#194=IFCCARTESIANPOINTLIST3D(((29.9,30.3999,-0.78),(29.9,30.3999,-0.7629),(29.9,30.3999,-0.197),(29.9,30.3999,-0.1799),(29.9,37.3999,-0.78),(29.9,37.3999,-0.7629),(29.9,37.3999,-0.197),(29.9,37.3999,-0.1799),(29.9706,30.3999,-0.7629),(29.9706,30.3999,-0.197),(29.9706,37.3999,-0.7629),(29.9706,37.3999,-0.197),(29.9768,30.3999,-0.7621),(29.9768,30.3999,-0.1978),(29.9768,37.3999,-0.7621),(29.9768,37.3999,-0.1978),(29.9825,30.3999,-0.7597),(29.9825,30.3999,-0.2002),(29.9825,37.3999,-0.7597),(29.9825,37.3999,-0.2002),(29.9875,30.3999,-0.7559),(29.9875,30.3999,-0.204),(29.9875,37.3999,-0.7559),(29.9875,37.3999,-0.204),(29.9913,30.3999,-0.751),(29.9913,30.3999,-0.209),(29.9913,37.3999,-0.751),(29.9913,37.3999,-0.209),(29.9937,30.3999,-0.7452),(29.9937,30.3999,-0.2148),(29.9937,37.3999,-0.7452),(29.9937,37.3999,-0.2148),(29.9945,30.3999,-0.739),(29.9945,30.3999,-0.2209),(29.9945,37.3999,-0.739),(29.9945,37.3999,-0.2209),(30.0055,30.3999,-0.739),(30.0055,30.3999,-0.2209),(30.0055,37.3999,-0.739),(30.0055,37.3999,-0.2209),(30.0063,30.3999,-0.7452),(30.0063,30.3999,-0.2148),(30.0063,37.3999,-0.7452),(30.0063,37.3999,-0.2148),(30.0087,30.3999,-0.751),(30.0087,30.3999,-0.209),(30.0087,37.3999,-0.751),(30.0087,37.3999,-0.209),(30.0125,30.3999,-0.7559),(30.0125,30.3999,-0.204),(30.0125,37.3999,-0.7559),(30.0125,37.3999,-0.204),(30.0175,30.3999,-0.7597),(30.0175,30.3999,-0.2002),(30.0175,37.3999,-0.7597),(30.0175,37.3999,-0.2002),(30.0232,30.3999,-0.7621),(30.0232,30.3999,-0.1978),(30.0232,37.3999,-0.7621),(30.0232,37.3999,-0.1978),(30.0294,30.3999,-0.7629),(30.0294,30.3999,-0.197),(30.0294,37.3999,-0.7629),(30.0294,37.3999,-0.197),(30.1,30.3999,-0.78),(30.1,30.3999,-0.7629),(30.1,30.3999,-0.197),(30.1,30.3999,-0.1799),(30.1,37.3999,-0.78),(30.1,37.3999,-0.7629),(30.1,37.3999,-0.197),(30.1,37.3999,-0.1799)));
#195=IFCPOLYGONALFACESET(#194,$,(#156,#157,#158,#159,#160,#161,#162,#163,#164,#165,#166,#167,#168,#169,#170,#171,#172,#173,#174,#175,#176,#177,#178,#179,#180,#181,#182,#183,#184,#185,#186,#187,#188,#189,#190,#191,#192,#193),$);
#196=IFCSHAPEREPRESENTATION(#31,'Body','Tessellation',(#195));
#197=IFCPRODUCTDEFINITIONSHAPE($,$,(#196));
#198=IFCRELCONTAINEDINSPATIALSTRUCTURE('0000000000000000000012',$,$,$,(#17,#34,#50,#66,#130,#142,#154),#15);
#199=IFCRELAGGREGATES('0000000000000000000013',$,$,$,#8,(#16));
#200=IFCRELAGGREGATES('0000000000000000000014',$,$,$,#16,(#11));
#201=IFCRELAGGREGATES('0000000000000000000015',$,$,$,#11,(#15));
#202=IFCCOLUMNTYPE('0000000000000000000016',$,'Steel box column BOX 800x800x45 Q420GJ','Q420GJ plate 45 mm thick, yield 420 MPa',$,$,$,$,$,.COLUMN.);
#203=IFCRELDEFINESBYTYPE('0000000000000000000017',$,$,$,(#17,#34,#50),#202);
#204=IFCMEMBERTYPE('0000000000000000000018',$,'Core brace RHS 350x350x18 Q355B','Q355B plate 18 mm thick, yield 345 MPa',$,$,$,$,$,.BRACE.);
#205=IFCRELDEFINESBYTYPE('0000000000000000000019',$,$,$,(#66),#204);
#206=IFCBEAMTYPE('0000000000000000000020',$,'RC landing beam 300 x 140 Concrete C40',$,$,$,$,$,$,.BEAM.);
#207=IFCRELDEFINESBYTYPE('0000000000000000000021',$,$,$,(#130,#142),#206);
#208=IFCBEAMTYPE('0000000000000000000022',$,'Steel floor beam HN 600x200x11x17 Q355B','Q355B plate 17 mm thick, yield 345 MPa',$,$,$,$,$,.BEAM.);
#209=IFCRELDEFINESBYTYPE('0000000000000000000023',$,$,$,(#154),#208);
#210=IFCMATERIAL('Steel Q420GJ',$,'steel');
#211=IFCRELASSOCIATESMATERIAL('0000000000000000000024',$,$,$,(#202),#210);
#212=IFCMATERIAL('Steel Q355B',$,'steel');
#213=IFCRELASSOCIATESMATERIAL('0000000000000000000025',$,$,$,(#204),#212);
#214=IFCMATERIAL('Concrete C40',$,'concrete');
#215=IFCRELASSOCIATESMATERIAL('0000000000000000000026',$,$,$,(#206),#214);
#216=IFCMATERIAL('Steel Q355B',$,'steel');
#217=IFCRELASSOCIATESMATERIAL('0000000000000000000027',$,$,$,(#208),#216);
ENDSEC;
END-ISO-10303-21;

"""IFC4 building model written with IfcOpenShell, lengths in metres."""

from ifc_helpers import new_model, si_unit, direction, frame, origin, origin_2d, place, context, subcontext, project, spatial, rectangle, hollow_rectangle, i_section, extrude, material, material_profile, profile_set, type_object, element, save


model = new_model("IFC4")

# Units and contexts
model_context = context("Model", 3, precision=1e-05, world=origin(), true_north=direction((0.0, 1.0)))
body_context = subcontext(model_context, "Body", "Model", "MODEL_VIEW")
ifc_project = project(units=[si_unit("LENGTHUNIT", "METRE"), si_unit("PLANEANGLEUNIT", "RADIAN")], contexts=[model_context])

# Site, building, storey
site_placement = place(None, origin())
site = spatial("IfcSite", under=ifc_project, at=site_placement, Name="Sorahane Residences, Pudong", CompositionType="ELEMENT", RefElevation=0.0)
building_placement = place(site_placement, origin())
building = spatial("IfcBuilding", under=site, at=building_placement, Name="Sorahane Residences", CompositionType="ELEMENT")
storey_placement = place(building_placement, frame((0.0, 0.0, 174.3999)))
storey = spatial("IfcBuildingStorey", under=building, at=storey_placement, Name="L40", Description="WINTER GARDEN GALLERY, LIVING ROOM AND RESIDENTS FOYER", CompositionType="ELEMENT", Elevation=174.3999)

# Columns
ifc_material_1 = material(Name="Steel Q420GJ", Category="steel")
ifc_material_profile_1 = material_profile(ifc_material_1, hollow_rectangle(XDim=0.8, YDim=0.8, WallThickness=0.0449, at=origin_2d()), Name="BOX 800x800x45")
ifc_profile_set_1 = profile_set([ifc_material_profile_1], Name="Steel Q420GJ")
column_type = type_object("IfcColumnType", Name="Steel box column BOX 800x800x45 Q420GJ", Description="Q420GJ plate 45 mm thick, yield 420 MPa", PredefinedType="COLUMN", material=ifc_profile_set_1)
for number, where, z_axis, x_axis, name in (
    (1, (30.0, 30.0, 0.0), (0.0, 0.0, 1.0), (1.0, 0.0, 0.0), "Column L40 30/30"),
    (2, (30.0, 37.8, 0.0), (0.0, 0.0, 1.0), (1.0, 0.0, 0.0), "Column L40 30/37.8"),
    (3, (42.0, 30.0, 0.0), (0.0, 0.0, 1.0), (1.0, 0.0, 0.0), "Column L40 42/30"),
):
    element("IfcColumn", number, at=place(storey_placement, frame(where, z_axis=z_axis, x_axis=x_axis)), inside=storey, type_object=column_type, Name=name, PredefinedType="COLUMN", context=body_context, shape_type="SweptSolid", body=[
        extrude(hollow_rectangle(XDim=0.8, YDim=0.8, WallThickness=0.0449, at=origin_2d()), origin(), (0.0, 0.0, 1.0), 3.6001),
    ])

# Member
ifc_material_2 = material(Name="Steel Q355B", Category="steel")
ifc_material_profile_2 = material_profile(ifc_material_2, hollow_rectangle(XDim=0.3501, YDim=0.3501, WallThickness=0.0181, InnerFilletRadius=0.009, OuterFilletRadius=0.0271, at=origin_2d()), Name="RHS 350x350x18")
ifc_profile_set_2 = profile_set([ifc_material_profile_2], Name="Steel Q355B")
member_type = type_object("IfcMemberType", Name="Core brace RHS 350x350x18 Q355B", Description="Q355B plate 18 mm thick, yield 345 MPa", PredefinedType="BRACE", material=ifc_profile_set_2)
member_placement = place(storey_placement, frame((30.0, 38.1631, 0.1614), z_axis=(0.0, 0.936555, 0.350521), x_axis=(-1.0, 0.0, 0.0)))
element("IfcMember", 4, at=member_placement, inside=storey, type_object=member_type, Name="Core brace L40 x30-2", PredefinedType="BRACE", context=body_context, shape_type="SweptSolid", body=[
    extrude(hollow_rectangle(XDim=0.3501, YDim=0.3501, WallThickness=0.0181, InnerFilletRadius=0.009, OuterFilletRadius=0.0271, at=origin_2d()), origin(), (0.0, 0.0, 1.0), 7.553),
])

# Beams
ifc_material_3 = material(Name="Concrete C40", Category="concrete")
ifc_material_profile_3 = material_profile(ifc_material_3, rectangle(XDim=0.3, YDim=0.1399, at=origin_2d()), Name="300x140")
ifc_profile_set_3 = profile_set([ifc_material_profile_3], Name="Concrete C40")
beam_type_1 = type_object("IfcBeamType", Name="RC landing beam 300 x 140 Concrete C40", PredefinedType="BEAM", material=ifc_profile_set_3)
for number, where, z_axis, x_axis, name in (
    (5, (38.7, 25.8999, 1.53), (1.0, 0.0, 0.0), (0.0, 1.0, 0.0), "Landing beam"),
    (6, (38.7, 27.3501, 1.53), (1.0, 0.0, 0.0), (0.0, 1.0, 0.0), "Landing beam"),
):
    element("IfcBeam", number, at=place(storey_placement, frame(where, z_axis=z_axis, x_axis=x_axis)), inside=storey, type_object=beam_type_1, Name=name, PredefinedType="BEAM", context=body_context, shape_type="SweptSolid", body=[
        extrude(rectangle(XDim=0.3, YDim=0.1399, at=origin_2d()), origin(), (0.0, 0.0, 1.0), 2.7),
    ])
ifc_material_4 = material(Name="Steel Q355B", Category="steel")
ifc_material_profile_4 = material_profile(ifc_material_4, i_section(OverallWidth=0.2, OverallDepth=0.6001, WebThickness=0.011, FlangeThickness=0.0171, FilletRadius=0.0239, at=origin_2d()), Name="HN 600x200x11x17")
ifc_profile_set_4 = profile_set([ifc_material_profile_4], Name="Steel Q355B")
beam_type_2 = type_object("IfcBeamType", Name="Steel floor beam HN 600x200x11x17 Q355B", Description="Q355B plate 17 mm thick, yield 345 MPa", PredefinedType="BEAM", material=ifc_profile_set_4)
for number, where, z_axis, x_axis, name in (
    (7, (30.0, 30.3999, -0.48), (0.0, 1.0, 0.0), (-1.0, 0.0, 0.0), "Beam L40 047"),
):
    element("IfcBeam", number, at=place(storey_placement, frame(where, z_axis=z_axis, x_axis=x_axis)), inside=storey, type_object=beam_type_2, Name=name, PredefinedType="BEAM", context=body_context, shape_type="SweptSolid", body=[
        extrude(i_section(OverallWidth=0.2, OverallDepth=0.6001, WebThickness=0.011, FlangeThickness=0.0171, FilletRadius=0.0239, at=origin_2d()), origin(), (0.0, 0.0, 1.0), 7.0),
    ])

Your task: Please provide nothing but the number of lines in the records that hold the string "plate".

Your response: 6